Instructions for the task:
Which lines of the entries below run from the one holding "#131=IFCINDEXEDPOLYGONALFACE((78,80,84,82));" to the one holding "#138=IFCINDEXEDPOLYGONALFACE((94,98,100,96));", inclusive? Set down exactly those lines and no others.

Source records:
'''

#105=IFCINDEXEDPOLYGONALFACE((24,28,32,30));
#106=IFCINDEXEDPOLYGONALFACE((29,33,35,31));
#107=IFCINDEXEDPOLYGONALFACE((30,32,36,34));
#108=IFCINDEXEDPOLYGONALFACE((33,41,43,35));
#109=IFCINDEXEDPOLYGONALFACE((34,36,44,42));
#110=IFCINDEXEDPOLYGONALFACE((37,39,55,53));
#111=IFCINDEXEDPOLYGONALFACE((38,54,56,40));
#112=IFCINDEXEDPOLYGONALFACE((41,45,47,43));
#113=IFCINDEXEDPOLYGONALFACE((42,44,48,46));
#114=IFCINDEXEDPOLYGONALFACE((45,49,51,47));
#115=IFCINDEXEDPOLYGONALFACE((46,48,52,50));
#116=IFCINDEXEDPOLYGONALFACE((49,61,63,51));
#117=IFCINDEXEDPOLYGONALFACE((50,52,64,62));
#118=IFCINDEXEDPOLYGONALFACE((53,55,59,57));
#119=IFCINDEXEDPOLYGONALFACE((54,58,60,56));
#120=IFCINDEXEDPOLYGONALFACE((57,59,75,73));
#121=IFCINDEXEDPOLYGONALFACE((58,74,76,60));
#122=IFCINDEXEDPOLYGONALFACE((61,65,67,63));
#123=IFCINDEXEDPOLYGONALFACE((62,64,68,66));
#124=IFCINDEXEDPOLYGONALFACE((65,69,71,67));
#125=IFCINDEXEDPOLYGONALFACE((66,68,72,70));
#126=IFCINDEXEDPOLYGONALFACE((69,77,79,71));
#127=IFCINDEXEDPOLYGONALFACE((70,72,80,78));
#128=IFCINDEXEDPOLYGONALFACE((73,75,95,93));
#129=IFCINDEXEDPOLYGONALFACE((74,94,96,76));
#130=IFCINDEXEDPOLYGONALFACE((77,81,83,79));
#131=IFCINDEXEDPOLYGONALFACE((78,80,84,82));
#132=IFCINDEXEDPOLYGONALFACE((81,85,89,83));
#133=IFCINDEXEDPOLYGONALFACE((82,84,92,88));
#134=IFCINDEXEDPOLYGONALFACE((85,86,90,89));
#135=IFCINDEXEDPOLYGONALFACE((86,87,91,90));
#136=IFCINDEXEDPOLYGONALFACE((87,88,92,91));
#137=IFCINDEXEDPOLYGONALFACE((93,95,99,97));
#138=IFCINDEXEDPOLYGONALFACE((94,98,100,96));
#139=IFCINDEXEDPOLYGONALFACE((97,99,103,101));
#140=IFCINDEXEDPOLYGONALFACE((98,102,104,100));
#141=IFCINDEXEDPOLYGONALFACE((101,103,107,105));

'''

Result:
#131=IFCINDEXEDPOLYGONALFACE((78,80,84,82));
#132=IFCINDEXEDPOLYGONALFACE((81,85,89,83));
#133=IFCINDEXEDPOLYGONALFACE((82,84,92,88));
#134=IFCINDEXEDPOLYGONALFACE((85,86,90,89));
#135=IFCINDEXEDPOLYGONALFACE((86,87,91,90));
#136=IFCINDEXEDPOLYGONALFACE((87,88,92,91));
#137=IFCINDEXEDPOLYGONALFACE((93,95,99,97));
#138=IFCINDEXEDPOLYGONALFACE((94,98,100,96));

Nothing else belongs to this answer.